[Opening THE RECORDS section]

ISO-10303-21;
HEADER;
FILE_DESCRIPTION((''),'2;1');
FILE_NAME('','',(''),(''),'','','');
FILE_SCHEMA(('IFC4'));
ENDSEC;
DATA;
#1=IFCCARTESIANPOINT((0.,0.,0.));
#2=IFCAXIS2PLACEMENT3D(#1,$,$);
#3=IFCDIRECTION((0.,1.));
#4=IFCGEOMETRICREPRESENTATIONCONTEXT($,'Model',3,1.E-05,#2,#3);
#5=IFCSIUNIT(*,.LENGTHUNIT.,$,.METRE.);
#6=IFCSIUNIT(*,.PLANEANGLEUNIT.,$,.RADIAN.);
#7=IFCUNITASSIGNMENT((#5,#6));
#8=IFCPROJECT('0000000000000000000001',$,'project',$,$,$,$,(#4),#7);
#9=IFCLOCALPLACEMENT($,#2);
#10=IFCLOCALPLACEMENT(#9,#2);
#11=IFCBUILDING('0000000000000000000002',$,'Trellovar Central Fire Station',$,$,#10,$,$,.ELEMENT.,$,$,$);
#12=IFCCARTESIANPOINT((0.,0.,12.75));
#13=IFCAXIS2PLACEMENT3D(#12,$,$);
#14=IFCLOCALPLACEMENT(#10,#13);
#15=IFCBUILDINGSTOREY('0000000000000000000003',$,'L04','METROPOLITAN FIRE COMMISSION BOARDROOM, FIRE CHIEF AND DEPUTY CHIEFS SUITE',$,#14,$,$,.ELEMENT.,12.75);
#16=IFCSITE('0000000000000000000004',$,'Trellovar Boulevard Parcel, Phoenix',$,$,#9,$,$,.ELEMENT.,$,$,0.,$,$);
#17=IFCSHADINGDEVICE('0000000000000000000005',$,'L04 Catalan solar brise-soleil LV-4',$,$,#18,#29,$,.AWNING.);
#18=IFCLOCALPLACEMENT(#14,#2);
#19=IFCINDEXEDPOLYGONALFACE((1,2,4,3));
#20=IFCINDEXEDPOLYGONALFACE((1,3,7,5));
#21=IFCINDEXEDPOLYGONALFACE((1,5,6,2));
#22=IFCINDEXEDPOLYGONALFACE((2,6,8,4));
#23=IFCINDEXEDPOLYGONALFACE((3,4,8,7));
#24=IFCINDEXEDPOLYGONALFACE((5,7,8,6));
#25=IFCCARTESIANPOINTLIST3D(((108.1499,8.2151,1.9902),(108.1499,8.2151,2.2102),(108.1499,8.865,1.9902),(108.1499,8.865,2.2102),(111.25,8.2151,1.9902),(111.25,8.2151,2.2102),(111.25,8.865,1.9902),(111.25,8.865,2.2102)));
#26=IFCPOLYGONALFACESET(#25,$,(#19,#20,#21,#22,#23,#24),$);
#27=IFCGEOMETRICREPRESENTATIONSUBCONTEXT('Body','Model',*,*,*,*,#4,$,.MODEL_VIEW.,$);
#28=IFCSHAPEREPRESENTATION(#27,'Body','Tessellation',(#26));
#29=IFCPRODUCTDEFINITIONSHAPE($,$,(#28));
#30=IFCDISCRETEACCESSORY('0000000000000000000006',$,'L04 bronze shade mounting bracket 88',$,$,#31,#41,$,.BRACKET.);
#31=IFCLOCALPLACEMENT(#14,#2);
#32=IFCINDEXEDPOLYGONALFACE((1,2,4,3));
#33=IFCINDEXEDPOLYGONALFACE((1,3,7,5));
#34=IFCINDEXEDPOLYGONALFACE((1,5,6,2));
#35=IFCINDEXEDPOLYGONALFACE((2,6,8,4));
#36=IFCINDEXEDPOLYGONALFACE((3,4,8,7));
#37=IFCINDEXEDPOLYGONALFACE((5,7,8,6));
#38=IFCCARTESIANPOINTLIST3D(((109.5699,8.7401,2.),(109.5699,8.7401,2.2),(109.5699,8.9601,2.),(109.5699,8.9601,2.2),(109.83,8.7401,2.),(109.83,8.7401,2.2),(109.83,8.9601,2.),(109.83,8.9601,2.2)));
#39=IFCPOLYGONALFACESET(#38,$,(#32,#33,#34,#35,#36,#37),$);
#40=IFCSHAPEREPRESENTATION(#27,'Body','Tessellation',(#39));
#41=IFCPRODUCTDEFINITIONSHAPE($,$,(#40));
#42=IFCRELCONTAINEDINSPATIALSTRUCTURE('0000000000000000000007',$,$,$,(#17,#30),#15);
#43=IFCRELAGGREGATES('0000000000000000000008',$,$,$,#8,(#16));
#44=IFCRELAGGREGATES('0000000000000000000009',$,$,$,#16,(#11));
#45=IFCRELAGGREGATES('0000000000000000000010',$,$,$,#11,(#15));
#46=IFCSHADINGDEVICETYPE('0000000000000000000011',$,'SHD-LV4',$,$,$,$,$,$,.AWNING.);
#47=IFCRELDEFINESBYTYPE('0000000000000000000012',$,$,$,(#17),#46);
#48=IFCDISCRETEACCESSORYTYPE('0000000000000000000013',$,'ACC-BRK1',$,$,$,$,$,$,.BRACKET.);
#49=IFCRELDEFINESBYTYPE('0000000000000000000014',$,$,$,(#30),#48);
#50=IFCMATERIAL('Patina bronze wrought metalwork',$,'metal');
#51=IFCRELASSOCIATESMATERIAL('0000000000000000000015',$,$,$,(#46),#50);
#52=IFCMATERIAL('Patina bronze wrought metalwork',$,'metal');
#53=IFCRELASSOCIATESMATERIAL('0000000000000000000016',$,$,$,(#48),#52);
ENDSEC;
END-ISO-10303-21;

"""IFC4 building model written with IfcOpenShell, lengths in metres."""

from ifc_helpers import new_model, si_unit, direction, frame, origin, origin_2d, place, context, subcontext, project, spatial, rectangle, extrude, material, type_object, element, save


model = new_model("IFC4")

# Units and contexts
model_context = context("Model", 3, precision=1e-05, world=origin(), true_north=direction((0.0, 1.0)))
body_context = subcontext(model_context, "Body", "Model", "MODEL_VIEW")
ifc_project = project(units=[si_unit("LENGTHUNIT", "METRE"), si_unit("PLANEANGLEUNIT", "RADIAN")], contexts=[model_context])

# Site, building, storey
site_placement = place(None, origin())
site = spatial("IfcSite", under=ifc_project, at=site_placement, Name="Trellovar Boulevard Parcel, Phoenix", CompositionType="ELEMENT", RefElevation=0.0)
building_placement = place(site_placement, origin())
building = spatial("IfcBuilding", under=site, at=building_placement, Name="Trellovar Central Fire Station", CompositionType="ELEMENT")
storey_placement = place(building_placement, frame((0.0, 0.0, 12.75)))
storey = spatial("IfcBuildingStorey", under=building, at=storey_placement, Name="L04", Description="METROPOLITAN FIRE COMMISSION BOARDROOM, FIRE CHIEF AND DEPUTY CHIEFS SUITE", CompositionType="ELEMENT", Elevation=12.75)

# Shading device
ifc_material_1 = material(Name="Patina bronze wrought metalwork", Category="metal")
shading_device_type = type_object("IfcShadingDeviceType", Name="SHD-LV4", PredefinedType="AWNING", material=ifc_material_1)
shading_device_placement = place(storey_placement, frame((109.7, 8.54, 1.9902), z_axis=(0.0, 0.0, 1.0), x_axis=(1.0, 0.0, 0.0)))
element("IfcShadingDevice", 1, at=shading_device_placement, inside=storey, type_object=shading_device_type, Name="L04 Catalan solar brise-soleil LV-4", PredefinedType="AWNING", context=body_context, shape_type="SweptSolid", body=[
    extrude(rectangle(XDim=3.1001, YDim=0.6499, at=origin_2d()), origin(), (0.0, 0.0, 1.0), 0.22),
])

# Discrete accessory
ifc_material_2 = material(Name="Patina bronze wrought metalwork", Category="metal")
discrete_accessory_type = type_object("IfcDiscreteAccessoryType", Name="ACC-BRK1", PredefinedType="BRACKET", material=ifc_material_2)
discrete_accessory_placement = place(storey_placement, frame((109.7, 8.8501, 2.0), z_axis=(0.0, 0.0, 1.0), x_axis=(1.0, 0.0, 0.0)))
element("IfcDiscreteAccessory", 2, at=discrete_accessory_placement, inside=storey, type_object=discrete_accessory_type, Name="L04 bronze shade mounting bracket 88", PredefinedType="BRACKET", context=body_context, shape_type="SweptSolid", body=[
    extrude(rectangle(XDim=0.26, YDim=0.22, at=origin_2d()), origin(), (0.0, 0.0, 1.0), 0.2),
])

save(model, "model.ifc")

[Closing THE RECORDS section]

--- TASK ---
Exactly as written, repeat the lines from the start of the listing through the line containing "#9=IFCLOCALPLACEMENT($,#2);", both included.

--- EXERCISE RESPONSE ---
ISO-10303-21;
HEADER;
FILE_DESCRIPTION((''),'2;1');
FILE_NAME('','',(''),(''),'','','');
FILE_SCHEMA(('IFC4'));
ENDSEC;
DATA;
#1=IFCCARTESIANPOINT((0.,0.,0.));
#2=IFCAXIS2PLACEMENT3D(#1,$,$);
#3=IFCDIRECTION((0.,1.));
#4=IFCGEOMETRICREPRESENTATIONCONTEXT($,'Model',3,1.E-05,#2,#3);
#5=IFCSIUNIT(*,.LENGTHUNIT.,$,.METRE.);
#6=IFCSIUNIT(*,.PLANEANGLEUNIT.,$,.RADIAN.);
#7=IFCUNITASSIGNMENT((#5,#6));
#8=IFCPROJECT('0000000000000000000001',$,'project',$,$,$,$,(#4),#7);
#9=IFCLOCALPLACEMENT($,#2);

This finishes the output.